Aim of the exercise >> Only the lines below starting at the one that contains "#71=IFCINDEXEDPOLYGONALFACE((1,3,10,9));" and ending at the one that contains "#96=IFCINDEXEDPOLYGONALFACE((47,48,50,49));" are to be reproduced, exactly and with both ends kept.
**** Data
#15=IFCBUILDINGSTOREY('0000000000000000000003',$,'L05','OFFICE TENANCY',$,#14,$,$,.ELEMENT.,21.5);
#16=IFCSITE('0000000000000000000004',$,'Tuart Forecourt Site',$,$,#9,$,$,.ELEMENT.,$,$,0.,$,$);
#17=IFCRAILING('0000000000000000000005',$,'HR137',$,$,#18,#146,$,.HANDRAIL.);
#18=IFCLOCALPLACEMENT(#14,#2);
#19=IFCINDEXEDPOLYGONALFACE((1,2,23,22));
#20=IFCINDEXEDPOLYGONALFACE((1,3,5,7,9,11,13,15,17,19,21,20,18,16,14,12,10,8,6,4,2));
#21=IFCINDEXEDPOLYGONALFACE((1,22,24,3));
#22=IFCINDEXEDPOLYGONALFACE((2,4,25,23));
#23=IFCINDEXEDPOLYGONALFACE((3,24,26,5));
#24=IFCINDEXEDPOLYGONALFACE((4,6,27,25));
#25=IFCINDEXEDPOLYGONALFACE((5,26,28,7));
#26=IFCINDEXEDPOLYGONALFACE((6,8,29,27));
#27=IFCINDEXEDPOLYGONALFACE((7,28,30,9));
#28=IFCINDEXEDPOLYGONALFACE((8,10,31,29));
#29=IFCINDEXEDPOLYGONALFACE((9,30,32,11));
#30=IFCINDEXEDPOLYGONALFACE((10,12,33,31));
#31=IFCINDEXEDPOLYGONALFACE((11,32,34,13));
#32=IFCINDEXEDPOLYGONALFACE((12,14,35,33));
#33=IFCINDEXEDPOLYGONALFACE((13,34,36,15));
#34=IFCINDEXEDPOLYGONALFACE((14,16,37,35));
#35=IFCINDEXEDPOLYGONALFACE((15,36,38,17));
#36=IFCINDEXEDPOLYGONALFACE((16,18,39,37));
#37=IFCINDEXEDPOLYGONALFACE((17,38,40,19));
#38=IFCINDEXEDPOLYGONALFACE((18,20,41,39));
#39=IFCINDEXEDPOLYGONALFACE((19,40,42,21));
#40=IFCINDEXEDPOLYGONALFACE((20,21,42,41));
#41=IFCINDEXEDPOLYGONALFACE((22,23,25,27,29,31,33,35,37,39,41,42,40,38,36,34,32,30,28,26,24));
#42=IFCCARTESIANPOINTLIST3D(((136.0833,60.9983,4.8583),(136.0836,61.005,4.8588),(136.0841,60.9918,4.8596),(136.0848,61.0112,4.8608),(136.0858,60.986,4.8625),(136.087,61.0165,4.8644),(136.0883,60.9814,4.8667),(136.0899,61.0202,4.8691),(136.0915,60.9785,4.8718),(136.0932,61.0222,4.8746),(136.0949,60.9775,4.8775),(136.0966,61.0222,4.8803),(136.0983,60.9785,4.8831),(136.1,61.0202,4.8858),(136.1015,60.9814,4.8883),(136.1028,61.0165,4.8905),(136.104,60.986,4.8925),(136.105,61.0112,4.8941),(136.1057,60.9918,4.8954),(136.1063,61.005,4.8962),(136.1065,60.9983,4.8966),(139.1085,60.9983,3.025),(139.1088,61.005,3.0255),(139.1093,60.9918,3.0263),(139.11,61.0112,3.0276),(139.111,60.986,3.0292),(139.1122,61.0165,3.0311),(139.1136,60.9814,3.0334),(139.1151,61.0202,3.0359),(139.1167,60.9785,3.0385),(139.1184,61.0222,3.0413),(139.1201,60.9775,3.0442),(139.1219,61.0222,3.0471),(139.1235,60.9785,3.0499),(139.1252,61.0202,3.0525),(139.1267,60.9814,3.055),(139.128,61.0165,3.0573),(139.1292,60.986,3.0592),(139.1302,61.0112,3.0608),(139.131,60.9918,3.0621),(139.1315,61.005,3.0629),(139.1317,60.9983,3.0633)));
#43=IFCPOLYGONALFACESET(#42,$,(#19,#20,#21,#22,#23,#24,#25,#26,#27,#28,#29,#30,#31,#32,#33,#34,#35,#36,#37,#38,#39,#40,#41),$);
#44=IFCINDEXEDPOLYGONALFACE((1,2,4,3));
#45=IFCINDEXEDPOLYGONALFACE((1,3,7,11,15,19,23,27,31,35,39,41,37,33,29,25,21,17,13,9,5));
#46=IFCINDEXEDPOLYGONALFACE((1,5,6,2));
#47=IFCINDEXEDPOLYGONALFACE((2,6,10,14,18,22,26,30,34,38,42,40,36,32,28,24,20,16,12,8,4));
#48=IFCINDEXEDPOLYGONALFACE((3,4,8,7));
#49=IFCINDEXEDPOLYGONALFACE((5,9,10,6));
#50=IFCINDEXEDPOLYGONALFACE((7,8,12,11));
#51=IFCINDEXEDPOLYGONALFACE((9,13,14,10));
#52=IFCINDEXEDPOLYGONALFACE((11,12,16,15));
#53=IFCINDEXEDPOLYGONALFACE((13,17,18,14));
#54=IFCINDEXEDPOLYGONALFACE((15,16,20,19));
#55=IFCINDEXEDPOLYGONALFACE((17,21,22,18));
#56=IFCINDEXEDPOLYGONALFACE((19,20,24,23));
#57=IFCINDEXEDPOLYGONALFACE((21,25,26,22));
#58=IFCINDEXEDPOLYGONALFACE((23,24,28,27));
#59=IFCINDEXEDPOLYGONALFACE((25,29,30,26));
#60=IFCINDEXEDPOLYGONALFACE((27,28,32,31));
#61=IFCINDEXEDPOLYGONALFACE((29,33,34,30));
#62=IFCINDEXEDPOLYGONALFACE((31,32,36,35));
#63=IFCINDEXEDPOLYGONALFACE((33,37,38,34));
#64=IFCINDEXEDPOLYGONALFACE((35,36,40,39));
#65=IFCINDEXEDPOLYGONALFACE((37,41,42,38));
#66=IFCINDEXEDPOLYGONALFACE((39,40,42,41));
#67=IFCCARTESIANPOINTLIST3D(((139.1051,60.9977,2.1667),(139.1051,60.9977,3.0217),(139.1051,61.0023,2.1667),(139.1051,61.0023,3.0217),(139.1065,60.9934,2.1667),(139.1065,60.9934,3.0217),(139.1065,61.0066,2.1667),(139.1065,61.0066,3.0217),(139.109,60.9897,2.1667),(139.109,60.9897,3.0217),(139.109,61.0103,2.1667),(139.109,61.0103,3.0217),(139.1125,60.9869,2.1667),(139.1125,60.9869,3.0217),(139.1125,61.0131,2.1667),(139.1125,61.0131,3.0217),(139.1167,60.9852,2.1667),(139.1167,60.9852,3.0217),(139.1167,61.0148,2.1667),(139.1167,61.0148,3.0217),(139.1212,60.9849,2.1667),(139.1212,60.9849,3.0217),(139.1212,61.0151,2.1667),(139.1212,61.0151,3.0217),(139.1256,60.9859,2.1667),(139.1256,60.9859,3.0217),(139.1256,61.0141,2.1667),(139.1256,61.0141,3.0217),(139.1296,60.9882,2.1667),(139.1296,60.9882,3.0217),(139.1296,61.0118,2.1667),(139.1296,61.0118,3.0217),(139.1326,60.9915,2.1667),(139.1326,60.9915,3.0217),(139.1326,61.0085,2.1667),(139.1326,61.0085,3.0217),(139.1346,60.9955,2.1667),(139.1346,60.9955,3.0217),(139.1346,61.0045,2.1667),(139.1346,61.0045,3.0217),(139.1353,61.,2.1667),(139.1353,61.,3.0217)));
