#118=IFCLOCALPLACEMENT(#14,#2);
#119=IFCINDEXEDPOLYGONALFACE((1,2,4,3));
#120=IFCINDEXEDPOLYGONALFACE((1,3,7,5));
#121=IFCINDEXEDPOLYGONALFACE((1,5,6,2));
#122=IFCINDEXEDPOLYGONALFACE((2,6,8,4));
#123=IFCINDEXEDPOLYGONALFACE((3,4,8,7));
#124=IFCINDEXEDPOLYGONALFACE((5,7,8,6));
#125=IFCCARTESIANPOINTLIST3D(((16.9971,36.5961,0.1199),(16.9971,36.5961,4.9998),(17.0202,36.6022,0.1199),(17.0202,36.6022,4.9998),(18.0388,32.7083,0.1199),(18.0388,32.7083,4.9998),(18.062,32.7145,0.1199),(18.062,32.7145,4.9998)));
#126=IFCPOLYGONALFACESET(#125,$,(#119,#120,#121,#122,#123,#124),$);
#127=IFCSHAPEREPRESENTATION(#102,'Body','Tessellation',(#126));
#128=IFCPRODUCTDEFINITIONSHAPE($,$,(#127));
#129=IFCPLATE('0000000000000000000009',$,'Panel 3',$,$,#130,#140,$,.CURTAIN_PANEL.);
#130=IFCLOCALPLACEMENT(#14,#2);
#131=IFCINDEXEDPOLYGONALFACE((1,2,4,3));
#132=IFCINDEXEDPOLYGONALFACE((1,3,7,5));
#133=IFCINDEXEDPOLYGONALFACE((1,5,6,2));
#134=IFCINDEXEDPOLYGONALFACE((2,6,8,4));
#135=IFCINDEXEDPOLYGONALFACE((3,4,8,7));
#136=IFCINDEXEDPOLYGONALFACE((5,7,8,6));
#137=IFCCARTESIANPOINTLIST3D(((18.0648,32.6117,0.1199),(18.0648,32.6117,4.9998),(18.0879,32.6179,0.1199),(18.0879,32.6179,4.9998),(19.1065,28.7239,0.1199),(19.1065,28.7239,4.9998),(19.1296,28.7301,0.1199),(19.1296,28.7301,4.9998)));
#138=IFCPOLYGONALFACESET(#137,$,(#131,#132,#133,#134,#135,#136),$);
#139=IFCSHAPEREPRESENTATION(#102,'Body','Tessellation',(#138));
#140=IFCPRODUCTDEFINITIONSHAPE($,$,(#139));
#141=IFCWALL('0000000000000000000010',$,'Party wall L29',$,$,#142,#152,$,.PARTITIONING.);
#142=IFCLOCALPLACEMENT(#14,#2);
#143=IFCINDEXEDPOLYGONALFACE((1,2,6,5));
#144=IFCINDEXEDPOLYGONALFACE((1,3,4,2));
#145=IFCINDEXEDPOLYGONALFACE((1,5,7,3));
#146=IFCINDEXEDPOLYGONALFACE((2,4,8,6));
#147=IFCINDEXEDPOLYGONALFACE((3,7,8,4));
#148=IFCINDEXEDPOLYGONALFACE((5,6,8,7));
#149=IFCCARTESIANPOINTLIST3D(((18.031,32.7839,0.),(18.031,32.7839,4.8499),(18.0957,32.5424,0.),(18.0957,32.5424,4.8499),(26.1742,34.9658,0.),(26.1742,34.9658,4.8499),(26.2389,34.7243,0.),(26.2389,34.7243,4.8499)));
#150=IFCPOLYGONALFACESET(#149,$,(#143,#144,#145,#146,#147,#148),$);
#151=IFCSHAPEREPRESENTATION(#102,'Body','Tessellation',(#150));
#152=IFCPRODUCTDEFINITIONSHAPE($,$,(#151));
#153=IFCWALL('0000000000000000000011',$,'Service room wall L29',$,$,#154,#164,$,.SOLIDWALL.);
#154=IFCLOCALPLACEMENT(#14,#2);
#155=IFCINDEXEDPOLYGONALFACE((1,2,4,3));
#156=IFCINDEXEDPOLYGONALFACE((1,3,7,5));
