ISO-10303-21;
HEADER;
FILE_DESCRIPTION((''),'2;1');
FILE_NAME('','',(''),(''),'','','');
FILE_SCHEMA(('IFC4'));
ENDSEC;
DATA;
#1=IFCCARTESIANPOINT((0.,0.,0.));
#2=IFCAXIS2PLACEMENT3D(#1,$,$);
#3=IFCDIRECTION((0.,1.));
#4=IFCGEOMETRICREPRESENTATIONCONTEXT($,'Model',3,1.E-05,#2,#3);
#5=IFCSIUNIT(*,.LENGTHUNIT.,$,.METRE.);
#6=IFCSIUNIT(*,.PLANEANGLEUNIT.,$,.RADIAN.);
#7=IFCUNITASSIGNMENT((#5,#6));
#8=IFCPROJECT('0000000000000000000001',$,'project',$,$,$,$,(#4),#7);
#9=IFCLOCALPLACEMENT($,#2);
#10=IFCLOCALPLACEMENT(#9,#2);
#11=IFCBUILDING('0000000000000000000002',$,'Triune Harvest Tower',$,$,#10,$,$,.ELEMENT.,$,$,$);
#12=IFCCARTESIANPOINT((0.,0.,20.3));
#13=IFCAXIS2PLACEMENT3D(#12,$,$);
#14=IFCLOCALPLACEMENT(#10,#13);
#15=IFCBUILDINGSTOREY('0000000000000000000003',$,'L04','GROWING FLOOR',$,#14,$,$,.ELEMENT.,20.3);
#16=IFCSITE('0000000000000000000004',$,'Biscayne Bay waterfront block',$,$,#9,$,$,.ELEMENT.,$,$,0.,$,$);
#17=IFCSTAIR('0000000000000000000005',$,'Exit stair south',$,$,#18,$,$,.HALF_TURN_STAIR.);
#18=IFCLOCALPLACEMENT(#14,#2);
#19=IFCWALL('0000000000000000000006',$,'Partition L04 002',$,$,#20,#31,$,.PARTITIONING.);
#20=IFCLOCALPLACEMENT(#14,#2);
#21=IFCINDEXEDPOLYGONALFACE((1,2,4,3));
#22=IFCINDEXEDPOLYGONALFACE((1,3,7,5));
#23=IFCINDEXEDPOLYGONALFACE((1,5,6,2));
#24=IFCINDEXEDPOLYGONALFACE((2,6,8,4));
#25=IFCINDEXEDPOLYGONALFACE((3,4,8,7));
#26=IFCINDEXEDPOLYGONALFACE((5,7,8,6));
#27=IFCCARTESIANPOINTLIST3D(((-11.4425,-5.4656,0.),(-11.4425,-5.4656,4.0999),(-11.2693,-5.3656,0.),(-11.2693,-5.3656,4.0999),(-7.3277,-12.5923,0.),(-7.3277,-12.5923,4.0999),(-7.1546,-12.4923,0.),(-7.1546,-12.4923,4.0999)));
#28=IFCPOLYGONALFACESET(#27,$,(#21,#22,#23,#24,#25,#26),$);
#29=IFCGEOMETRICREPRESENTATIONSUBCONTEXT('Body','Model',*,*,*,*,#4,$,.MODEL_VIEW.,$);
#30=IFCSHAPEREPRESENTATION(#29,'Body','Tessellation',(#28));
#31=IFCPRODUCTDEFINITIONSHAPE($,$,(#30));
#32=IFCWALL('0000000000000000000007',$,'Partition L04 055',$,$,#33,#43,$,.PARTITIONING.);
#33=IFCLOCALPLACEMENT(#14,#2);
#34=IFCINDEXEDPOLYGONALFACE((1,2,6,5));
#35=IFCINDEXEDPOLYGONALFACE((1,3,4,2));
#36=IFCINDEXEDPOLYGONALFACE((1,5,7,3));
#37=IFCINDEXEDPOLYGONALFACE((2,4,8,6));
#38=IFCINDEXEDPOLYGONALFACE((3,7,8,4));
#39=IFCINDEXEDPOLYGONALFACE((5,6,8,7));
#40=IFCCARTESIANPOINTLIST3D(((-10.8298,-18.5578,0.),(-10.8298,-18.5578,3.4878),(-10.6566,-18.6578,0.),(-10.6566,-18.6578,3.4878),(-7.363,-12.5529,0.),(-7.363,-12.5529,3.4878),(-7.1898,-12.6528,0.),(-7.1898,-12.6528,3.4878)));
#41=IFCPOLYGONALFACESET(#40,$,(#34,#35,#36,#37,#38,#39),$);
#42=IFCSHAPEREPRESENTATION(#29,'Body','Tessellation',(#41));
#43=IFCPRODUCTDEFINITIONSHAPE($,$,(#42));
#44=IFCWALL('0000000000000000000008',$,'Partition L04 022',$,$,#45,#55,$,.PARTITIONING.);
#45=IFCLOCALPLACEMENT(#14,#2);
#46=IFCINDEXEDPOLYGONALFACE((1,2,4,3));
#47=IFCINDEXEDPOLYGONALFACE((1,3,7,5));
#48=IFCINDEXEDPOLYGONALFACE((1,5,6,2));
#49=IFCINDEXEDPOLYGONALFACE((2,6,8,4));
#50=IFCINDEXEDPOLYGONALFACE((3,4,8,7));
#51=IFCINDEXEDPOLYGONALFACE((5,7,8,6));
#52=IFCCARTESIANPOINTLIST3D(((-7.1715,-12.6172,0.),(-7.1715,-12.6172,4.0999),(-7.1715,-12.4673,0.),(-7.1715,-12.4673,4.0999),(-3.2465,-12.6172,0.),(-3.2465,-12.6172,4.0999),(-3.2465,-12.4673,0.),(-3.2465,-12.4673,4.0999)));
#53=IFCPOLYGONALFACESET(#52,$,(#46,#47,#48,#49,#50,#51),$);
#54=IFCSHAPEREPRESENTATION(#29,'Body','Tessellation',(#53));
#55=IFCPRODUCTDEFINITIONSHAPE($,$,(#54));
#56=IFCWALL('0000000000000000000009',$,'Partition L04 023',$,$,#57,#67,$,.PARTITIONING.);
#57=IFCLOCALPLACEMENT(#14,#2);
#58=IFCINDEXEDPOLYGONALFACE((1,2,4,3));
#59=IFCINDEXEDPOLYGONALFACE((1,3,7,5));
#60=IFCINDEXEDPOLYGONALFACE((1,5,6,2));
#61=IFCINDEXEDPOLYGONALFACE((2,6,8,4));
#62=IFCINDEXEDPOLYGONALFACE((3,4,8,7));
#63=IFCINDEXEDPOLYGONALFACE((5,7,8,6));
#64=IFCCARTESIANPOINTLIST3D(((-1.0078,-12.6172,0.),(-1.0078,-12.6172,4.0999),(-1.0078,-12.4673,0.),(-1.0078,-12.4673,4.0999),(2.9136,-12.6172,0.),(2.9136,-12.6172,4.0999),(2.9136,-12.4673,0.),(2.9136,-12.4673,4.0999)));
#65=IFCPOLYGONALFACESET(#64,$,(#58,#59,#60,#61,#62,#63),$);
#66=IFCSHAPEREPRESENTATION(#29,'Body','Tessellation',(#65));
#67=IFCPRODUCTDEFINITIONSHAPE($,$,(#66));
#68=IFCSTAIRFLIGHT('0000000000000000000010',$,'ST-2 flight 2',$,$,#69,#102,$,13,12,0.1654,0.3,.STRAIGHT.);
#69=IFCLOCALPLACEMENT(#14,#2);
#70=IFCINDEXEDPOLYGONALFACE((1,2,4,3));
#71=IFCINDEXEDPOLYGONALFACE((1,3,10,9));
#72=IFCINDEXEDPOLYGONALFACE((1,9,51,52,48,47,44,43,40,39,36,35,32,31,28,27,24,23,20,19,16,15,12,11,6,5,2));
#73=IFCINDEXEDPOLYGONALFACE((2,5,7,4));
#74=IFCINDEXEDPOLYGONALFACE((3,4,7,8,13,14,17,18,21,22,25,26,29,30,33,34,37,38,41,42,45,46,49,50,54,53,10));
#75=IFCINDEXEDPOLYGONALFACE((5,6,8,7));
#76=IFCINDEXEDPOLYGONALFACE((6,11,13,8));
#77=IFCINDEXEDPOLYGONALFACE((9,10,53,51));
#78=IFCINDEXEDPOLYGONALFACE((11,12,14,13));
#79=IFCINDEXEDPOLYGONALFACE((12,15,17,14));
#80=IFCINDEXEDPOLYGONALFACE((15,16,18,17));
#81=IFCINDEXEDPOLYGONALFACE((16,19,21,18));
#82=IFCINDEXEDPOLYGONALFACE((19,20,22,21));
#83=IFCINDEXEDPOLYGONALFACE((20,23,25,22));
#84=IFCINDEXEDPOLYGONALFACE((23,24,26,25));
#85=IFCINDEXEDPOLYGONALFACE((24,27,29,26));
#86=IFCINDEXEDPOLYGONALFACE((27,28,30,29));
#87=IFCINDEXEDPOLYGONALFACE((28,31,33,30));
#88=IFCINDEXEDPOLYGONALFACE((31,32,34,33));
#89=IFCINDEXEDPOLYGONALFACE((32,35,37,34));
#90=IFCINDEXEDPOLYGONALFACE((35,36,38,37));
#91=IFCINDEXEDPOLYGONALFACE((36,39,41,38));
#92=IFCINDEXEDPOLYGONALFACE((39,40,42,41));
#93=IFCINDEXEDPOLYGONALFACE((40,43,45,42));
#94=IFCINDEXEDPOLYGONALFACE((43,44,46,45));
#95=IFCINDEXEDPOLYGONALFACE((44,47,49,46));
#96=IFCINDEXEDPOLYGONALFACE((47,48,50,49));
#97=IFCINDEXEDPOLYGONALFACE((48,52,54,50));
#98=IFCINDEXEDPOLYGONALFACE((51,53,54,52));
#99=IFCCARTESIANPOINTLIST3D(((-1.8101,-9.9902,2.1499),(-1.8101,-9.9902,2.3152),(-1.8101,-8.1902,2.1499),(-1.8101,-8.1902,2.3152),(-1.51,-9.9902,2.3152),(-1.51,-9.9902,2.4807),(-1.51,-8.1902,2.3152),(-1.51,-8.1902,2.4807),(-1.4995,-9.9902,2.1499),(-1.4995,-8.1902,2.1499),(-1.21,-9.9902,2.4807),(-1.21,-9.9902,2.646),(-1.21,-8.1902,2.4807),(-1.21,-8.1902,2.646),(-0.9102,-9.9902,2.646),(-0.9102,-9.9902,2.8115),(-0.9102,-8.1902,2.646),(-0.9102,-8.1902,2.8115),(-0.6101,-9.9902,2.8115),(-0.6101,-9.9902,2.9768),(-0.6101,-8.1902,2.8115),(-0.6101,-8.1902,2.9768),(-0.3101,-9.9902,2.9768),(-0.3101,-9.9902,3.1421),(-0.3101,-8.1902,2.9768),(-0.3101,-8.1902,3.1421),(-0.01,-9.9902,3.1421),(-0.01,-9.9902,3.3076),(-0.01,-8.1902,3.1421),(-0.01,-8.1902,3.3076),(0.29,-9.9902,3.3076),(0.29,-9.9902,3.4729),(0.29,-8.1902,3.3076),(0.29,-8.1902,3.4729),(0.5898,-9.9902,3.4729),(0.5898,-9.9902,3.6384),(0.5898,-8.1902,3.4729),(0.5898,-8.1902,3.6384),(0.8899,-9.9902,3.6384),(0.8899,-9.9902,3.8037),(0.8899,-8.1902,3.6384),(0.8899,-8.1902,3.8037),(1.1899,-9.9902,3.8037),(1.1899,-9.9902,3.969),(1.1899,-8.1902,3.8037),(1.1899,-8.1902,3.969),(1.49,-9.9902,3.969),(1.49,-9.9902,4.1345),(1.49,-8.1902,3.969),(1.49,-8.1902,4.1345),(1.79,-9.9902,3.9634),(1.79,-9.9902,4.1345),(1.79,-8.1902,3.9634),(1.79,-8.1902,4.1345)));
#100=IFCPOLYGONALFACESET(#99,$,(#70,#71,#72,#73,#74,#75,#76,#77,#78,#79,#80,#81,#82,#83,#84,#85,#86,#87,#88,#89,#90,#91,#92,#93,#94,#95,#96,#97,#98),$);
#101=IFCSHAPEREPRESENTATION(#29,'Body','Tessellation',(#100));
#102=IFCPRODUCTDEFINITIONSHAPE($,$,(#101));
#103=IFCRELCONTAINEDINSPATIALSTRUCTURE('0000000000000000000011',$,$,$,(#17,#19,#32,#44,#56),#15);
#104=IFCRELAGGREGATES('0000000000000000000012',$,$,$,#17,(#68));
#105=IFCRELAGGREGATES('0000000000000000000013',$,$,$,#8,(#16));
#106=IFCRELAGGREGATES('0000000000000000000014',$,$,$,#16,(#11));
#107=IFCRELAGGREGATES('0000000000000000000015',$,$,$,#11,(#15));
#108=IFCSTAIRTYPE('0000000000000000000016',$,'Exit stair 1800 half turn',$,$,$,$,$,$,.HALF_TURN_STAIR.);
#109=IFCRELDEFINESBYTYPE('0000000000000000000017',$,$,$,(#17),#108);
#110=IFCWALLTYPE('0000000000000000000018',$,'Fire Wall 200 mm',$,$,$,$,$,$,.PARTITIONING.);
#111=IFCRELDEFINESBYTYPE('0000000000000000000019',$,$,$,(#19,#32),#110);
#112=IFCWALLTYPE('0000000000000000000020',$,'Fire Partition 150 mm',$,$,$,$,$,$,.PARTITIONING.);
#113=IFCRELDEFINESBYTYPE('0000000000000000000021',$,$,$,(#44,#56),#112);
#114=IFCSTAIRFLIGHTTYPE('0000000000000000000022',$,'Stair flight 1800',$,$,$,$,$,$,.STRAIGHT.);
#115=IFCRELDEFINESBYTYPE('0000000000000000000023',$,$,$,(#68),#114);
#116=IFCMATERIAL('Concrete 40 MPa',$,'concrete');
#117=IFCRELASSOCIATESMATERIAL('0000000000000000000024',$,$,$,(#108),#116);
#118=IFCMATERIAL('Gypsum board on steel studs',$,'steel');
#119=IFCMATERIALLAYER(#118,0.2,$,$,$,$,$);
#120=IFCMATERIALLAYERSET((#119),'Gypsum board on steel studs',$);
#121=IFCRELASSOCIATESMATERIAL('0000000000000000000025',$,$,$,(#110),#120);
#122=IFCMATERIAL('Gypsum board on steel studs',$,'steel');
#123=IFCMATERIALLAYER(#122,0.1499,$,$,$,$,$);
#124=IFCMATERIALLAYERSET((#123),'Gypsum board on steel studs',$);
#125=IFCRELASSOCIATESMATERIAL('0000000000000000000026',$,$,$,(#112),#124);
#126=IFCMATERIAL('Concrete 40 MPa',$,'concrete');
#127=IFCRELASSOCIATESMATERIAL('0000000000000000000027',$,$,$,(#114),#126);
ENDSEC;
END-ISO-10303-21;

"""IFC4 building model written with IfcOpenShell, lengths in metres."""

from ifc_helpers import new_model, si_unit, direction, frame, frame_2d, origin, place, context, subcontext, project, spatial, polyline, rectangle, outline, extrude, source, transform, mapped, material, layer, layer_set, type_object, element, aggregate, save


model = new_model("IFC4")

# Units and contexts
model_context = context("Model", 3, precision=1e-05, world=origin(), true_north=direction((0.0, 1.0)))
body_context = subcontext(model_context, "Body", "Model", "MODEL_VIEW")
ifc_project = project(units=[si_unit("LENGTHUNIT", "METRE"), si_unit("PLANEANGLEUNIT", "RADIAN")], contexts=[model_context])

# Site, building, storey
site_placement = place(None, origin())
site = spatial("IfcSite", under=ifc_project, at=site_placement, Name="Biscayne Bay waterfront block", CompositionType="ELEMENT", RefElevation=0.0)
building_placement = place(site_placement, origin())
building = spatial("IfcBuilding", under=site, at=building_placement, Name="Triune Harvest Tower", CompositionType="ELEMENT")
storey_placement = place(building_placement, frame((0.0, 0.0, 20.3)))
storey = spatial("IfcBuildingStorey", under=building, at=storey_placement, Name="L04", Description="GROWING FLOOR", CompositionType="ELEMENT", Elevation=20.3)

# Stair
ifc_material_1 = material(Name="Concrete 40 MPa", Category="concrete")
stair_type = type_object("IfcStairType", Name="Exit stair 1800 half turn", PredefinedType="HALF_TURN_STAIR", material=ifc_material_1)
stair_1_placement = place(storey_placement, origin())
stair_1 = element("IfcStair", 1, at=stair_1_placement, inside=storey, type_object=stair_type, Name="Exit stair south", PredefinedType="HALF_TURN_STAIR")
********
Answer section >>
#71=IFCINDEXEDPOLYGONALFACE((1,3,10,9));
#72=IFCINDEXEDPOLYGONALFACE((1,9,51,52,48,47,44,43,40,39,36,35,32,31,28,27,24,23,20,19,16,15,12,11,6,5,2));
#73=IFCINDEXEDPOLYGONALFACE((2,5,7,4));
#74=IFCINDEXEDPOLYGONALFACE((3,4,7,8,13,14,17,18,21,22,25,26,29,30,33,34,37,38,41,42,45,46,49,50,54,53,10));
#75=IFCINDEXEDPOLYGONALFACE((5,6,8,7));
#76=IFCINDEXEDPOLYGONALFACE((6,11,13,8));
#77=IFCINDEXEDPOLYGONALFACE((9,10,53,51));
#78=IFCINDEXEDPOLYGONALFACE((11,12,14,13));
#79=IFCINDEXEDPOLYGONALFACE((12,15,17,14));
#80=IFCINDEXEDPOLYGONALFACE((15,16,18,17));
#81=IFCINDEXEDPOLYGONALFACE((16,19,21,18));
#82=IFCINDEXEDPOLYGONALFACE((19,20,22,21));
#83=IFCINDEXEDPOLYGONALFACE((20,23,25,22));
#84=IFCINDEXEDPOLYGONALFACE((23,24,26,25));
#85=IFCINDEXEDPOLYGONALFACE((24,27,29,26));
#86=IFCINDEXEDPOLYGONALFACE((27,28,30,29));
#87=IFCINDEXEDPOLYGONALFACE((28,31,33,30));
#88=IFCINDEXEDPOLYGONALFACE((31,32,34,33));
#89=IFCINDEXEDPOLYGONALFACE((32,35,37,34));
#90=IFCINDEXEDPOLYGONALFACE((35,36,38,37));
#91=IFCINDEXEDPOLYGONALFACE((36,39,41,38));
#92=IFCINDEXEDPOLYGONALFACE((39,40,42,41));
#93=IFCINDEXEDPOLYGONALFACE((40,43,45,42));
#94=IFCINDEXEDPOLYGONALFACE((43,44,46,45));
#95=IFCINDEXEDPOLYGONALFACE((44,47,49,46));
#96=IFCINDEXEDPOLYGONALFACE((47,48,50,49));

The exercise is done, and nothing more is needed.